---------- INPUT RECORDS ----------
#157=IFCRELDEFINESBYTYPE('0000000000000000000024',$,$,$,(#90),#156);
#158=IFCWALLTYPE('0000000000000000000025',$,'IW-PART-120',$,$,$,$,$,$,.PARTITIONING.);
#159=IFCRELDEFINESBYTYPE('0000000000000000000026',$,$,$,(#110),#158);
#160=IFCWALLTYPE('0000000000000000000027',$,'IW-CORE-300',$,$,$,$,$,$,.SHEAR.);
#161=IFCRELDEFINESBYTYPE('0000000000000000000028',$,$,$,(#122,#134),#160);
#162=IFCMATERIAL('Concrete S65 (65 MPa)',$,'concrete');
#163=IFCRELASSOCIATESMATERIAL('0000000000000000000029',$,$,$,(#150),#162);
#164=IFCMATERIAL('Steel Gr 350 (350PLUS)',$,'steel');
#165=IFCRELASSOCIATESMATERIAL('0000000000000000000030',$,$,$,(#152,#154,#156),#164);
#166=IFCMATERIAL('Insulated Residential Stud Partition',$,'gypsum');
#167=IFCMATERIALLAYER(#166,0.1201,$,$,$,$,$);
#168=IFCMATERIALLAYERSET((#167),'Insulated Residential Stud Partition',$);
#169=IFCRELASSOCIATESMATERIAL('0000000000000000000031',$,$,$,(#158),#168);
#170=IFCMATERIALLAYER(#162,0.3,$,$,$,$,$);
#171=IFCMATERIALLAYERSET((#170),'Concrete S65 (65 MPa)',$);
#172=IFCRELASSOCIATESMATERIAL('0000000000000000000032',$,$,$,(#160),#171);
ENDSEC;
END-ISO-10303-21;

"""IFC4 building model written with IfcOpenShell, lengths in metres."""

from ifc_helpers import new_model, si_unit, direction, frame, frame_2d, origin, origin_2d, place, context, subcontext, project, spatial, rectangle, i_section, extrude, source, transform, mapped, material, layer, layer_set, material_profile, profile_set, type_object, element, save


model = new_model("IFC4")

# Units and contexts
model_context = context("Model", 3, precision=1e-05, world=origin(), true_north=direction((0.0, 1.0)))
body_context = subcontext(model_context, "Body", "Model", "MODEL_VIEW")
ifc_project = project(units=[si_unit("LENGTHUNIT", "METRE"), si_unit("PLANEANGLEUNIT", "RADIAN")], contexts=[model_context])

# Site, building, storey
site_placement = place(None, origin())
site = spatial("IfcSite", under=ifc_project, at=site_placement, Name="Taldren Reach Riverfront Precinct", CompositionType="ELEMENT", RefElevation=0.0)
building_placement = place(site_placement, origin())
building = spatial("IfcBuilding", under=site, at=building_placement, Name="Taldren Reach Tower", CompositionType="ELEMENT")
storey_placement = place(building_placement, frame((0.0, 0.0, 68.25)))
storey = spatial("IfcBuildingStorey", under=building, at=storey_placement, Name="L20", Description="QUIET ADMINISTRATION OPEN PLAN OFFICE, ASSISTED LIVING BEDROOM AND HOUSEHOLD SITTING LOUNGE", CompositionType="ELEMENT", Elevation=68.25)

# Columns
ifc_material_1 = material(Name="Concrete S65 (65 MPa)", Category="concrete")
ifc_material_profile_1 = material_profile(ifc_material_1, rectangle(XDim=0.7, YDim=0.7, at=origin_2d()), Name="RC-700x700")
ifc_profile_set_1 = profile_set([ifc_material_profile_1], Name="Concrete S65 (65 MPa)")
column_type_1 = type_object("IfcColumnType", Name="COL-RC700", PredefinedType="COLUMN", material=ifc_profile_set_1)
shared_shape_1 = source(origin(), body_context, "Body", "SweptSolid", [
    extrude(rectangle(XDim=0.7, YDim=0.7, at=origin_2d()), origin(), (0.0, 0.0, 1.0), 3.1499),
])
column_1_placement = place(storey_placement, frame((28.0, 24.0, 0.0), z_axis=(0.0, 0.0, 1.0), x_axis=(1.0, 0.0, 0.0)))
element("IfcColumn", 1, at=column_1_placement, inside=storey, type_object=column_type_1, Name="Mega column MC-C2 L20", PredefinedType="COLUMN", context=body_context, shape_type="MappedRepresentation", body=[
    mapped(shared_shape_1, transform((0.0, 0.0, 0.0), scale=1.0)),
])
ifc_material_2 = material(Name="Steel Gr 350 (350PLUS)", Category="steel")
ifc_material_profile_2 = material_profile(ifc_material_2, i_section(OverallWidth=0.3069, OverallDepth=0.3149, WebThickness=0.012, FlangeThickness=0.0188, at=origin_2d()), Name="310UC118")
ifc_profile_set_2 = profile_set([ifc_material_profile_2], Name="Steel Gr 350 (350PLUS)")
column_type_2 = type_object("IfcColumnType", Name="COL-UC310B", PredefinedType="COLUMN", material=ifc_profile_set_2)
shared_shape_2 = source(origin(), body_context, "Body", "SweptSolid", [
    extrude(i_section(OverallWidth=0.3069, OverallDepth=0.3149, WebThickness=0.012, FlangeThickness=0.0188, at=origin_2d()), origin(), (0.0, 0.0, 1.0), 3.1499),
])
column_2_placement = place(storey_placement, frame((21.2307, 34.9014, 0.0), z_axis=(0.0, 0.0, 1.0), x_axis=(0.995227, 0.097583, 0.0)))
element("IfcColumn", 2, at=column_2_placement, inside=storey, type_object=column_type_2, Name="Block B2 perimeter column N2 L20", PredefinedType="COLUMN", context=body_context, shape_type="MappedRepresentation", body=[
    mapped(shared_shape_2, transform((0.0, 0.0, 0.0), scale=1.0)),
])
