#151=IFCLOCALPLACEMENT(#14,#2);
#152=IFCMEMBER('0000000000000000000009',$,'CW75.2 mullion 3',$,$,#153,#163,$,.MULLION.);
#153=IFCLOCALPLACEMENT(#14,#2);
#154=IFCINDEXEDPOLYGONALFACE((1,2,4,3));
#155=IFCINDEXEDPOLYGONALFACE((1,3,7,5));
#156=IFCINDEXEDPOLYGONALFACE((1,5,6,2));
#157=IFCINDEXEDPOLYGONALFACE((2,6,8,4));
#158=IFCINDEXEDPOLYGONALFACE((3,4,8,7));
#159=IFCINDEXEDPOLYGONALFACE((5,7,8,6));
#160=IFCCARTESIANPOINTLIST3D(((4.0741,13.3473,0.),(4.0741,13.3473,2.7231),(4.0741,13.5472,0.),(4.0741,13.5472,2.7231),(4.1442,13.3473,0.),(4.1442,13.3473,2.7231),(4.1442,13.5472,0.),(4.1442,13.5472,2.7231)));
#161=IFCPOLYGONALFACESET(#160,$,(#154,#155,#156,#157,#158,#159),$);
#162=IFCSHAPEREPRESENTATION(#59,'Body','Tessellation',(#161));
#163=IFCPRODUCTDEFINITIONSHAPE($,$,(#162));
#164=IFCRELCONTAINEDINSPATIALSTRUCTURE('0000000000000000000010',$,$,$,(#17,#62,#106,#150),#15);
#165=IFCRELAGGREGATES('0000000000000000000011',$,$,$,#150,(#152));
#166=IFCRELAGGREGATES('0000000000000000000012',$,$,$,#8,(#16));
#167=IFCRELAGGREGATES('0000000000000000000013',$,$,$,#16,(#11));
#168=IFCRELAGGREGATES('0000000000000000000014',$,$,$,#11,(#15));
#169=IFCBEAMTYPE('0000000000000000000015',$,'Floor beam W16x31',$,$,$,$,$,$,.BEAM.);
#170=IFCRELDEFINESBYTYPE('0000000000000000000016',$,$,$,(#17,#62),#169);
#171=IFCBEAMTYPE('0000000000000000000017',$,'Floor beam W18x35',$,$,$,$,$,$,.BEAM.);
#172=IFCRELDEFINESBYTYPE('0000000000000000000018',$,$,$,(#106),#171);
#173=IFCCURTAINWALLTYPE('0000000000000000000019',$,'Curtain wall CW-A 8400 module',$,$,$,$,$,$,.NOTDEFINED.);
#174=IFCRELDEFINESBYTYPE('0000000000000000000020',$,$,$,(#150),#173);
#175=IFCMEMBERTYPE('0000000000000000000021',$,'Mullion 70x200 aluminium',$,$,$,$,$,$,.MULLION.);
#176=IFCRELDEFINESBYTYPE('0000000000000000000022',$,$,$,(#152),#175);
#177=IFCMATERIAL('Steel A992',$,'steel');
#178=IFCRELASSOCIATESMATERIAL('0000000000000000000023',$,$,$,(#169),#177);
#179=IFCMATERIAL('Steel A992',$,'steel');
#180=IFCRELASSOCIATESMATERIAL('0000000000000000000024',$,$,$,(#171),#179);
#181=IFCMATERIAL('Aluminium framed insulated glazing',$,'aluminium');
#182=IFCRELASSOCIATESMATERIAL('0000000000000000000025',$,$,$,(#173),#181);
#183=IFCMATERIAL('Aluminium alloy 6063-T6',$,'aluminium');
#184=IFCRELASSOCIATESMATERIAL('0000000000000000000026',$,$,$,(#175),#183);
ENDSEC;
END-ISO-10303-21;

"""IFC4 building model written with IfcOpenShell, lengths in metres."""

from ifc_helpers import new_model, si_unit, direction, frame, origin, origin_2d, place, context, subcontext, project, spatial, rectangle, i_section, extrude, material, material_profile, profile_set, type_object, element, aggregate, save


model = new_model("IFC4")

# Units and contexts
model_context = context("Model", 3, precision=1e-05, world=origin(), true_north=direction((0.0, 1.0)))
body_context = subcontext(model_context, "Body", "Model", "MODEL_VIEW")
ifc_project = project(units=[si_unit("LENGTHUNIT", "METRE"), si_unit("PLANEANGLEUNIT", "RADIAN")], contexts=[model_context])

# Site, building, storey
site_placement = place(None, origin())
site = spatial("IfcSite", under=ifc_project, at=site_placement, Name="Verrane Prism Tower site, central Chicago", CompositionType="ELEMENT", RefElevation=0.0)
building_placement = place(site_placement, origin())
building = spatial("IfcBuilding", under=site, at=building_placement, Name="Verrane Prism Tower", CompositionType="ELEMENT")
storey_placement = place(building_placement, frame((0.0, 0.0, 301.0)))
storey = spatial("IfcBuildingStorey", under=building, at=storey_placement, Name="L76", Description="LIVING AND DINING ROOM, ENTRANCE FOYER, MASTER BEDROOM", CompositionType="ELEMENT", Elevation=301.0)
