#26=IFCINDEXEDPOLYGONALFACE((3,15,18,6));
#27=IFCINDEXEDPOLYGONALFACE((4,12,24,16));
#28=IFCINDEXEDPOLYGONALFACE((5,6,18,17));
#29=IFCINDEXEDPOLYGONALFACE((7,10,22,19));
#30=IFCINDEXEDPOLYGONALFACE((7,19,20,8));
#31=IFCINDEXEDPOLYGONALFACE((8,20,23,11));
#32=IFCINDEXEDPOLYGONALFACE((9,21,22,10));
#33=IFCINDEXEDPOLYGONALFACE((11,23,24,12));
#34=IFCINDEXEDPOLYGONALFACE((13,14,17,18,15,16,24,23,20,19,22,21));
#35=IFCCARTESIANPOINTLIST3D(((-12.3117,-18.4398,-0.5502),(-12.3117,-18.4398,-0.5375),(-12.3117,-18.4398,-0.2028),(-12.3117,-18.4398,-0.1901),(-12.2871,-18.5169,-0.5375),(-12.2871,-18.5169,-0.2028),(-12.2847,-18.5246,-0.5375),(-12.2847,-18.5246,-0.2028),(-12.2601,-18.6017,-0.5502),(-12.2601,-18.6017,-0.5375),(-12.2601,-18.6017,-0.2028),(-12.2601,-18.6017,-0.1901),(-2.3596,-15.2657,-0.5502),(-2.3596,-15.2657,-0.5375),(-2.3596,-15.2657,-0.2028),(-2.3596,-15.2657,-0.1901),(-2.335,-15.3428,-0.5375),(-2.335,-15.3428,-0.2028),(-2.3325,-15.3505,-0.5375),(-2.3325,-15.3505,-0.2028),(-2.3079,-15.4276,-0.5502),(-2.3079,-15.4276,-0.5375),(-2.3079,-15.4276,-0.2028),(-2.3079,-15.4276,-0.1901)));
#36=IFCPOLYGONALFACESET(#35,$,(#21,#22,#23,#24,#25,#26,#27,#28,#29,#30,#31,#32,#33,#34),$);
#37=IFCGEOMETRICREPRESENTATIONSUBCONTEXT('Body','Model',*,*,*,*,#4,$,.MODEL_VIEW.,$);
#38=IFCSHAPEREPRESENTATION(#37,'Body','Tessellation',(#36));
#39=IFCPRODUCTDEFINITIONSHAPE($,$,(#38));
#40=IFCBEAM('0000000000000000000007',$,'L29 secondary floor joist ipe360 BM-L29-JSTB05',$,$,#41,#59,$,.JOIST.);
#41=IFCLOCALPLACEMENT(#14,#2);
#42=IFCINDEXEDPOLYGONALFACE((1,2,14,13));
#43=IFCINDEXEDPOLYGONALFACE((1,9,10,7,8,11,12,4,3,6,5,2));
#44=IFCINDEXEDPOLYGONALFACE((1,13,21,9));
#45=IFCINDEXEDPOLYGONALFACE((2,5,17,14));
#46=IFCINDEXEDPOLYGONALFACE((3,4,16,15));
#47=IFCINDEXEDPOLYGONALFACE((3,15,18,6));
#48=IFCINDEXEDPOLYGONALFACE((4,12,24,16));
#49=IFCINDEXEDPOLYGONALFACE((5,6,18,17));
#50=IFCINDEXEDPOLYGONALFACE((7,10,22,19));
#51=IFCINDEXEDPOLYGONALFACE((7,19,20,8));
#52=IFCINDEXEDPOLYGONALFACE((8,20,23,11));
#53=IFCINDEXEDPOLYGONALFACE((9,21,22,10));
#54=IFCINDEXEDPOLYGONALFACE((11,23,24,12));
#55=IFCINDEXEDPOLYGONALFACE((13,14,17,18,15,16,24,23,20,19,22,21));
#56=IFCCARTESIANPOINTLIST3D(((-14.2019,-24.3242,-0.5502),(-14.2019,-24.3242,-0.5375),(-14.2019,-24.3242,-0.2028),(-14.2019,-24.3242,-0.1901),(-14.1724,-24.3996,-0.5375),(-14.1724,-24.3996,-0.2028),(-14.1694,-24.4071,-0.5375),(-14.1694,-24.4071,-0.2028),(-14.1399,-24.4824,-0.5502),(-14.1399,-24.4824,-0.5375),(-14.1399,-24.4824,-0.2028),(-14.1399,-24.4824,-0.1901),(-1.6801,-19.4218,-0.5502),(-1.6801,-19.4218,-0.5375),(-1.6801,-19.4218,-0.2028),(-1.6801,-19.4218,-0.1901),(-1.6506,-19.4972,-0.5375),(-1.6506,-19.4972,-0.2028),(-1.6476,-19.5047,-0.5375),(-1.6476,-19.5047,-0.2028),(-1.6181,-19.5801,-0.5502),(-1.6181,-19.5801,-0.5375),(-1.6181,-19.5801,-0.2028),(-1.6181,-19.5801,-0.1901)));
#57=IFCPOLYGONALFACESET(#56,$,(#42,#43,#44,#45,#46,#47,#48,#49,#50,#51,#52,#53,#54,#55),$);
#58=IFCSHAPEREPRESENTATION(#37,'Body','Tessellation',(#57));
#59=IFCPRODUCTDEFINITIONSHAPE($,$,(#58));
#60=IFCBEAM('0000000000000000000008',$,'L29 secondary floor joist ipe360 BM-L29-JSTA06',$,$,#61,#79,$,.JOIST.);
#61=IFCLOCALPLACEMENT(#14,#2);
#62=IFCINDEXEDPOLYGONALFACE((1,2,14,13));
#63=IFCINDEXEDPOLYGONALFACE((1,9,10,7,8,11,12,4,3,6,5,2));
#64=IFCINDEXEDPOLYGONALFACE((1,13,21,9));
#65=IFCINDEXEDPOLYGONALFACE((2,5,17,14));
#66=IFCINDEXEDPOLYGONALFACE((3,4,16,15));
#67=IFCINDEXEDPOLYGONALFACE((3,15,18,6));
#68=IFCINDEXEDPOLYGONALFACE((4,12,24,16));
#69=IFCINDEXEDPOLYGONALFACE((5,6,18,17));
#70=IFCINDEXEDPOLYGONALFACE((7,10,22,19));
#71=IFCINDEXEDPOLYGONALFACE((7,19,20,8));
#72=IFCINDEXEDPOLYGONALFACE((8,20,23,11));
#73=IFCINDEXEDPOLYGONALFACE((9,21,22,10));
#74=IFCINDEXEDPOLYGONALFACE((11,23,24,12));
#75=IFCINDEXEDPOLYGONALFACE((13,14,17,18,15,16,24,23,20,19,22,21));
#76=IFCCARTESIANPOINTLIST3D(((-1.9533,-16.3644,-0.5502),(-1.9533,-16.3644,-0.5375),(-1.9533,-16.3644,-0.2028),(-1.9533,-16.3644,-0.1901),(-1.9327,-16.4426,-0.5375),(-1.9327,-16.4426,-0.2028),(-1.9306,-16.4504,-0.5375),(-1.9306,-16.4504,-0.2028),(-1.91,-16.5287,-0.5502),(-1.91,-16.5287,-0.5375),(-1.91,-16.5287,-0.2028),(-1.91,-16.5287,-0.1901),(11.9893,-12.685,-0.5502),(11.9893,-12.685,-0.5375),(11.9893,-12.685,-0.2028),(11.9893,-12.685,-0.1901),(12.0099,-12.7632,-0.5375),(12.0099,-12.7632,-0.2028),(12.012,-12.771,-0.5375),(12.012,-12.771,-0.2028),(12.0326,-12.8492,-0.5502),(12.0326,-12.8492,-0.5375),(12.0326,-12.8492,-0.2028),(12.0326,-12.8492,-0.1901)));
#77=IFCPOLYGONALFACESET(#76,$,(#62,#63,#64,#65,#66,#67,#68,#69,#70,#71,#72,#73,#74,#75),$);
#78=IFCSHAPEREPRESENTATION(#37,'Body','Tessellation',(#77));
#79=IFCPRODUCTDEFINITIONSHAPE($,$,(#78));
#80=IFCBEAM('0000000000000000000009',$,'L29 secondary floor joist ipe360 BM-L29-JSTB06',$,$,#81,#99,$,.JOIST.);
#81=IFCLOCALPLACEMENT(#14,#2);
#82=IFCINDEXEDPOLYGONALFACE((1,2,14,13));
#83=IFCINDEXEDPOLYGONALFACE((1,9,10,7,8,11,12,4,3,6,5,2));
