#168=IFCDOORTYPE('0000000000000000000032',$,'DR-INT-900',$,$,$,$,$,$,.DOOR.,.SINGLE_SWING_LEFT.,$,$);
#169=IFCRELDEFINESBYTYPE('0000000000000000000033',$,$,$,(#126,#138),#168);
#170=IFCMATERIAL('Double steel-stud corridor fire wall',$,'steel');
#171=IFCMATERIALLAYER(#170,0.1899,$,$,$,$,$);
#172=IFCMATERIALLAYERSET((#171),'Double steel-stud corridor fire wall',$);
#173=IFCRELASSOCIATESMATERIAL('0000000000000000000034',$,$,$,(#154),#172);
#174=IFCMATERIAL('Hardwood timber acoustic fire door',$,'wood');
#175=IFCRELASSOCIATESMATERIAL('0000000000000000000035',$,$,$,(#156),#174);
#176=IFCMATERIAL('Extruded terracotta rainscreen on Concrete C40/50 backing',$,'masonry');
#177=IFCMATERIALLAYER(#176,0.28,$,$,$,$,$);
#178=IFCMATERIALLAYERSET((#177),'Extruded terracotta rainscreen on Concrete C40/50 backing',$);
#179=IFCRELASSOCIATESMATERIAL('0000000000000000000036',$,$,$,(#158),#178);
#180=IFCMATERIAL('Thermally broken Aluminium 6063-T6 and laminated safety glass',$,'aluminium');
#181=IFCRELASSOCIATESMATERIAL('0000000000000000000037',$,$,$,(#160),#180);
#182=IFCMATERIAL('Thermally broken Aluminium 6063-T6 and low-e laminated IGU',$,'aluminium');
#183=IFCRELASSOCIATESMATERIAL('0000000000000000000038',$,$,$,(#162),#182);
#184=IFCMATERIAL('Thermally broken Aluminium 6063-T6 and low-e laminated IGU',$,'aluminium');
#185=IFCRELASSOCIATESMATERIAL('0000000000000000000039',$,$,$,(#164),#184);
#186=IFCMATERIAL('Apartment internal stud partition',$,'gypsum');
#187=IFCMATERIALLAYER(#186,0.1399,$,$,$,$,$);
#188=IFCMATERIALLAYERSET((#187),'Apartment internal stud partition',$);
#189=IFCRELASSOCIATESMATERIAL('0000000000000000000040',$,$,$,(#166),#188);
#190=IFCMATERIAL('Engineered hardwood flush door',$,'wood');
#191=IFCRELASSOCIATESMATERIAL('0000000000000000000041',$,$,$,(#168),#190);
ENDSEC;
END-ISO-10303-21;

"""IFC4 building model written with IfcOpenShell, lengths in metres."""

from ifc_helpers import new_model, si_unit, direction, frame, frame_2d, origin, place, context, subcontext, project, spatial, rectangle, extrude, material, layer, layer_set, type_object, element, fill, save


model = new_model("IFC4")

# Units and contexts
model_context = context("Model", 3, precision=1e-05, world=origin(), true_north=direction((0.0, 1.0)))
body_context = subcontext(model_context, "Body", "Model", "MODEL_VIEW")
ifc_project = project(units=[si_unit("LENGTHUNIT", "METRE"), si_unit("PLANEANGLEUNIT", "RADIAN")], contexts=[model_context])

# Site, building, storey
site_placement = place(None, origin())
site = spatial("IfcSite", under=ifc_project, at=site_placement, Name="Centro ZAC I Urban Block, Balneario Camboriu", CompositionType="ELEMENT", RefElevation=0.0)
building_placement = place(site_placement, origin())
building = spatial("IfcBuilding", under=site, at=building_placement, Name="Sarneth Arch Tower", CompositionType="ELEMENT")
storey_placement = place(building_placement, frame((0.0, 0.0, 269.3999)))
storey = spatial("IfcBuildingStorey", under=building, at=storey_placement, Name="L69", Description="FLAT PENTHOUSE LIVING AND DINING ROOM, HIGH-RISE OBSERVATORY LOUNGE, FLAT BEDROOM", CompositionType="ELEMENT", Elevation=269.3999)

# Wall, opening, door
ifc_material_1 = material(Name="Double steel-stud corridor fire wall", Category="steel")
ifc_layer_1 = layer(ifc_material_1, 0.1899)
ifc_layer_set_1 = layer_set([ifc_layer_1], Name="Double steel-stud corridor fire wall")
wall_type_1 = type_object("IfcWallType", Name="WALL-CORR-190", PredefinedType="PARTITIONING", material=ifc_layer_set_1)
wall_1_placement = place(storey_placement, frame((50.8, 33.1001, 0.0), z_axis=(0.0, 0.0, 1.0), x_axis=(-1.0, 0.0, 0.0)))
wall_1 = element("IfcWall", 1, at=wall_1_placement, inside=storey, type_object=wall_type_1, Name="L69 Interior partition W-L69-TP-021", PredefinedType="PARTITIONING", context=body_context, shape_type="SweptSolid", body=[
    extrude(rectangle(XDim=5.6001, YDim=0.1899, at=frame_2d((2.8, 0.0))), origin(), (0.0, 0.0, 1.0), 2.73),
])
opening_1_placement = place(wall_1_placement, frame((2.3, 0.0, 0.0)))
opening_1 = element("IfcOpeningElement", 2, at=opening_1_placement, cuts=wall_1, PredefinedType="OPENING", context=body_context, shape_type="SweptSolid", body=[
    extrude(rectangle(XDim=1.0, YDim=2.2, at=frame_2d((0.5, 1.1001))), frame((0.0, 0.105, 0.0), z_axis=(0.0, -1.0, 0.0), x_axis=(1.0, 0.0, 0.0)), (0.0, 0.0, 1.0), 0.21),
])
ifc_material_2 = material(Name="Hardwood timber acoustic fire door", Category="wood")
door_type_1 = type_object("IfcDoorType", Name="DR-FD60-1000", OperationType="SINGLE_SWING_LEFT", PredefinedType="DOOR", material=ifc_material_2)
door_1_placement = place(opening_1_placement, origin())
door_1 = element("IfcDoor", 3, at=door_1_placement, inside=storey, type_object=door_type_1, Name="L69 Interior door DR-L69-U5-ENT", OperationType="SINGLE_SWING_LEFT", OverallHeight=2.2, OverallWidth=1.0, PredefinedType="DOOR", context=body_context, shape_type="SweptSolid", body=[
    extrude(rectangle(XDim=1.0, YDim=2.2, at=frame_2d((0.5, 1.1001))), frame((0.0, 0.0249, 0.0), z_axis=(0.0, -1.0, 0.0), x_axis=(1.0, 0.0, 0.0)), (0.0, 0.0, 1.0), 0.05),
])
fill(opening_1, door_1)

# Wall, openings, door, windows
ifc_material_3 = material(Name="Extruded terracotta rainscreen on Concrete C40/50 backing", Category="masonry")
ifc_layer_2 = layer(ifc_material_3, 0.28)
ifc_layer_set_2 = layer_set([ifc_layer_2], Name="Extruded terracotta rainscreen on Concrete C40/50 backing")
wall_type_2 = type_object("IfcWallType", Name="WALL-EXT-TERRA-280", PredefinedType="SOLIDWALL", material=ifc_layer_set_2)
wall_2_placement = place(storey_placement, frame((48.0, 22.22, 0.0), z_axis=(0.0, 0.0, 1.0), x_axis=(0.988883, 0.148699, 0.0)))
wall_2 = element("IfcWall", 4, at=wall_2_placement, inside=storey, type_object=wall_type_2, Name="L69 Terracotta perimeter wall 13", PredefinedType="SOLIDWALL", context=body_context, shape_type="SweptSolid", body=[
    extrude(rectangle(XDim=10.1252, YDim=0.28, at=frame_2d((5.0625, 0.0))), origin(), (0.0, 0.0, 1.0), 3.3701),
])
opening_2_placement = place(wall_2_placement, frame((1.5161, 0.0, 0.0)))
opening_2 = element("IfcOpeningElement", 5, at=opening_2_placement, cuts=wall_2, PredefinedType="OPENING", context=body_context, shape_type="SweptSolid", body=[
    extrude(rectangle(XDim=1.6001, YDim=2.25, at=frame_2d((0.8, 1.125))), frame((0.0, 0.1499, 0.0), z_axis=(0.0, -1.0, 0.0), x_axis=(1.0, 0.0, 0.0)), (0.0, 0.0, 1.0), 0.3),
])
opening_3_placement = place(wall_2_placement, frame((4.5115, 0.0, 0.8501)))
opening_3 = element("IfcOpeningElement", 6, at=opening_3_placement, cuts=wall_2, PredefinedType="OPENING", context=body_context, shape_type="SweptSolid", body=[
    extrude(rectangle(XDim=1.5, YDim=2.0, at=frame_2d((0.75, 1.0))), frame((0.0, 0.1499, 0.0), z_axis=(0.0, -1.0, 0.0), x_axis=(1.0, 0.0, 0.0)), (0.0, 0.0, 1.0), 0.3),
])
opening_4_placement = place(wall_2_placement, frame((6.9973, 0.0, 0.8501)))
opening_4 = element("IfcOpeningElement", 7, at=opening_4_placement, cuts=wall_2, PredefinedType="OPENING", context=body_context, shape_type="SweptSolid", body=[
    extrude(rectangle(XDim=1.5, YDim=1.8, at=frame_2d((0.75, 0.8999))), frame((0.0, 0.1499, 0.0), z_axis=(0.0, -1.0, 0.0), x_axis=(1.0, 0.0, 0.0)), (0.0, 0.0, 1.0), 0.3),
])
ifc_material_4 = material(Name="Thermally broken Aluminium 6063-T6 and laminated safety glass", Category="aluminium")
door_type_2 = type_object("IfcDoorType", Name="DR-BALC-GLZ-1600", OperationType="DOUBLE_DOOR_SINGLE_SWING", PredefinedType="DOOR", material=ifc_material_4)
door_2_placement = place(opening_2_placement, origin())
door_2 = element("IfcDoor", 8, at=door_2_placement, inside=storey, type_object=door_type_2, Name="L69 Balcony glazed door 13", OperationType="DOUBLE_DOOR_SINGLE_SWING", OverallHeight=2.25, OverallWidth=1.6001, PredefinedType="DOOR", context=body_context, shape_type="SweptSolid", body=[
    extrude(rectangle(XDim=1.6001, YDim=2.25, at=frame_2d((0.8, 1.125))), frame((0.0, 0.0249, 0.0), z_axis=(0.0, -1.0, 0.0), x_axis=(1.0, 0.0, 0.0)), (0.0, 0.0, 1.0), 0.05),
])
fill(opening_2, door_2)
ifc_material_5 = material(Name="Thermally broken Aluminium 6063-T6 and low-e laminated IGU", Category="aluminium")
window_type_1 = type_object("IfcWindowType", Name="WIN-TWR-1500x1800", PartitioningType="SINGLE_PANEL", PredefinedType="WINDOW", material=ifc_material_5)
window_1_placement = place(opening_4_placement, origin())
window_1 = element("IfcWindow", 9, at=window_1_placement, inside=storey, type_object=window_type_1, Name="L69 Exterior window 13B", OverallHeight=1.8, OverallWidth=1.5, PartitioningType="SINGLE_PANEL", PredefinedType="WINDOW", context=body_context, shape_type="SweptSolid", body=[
----------
ACTION ITEM: Your answer should be every line from the material above in which the word "fill" appears.

EXPECTED OUTPUT:
from ifc_helpers import new_model, si_unit, direction, frame, frame_2d, origin, place, context, subcontext, project, spatial, rectangle, extrude, material, layer, layer_set, type_object, element, fill, save
fill(opening_1, door_1)
fill(opening_2, door_2)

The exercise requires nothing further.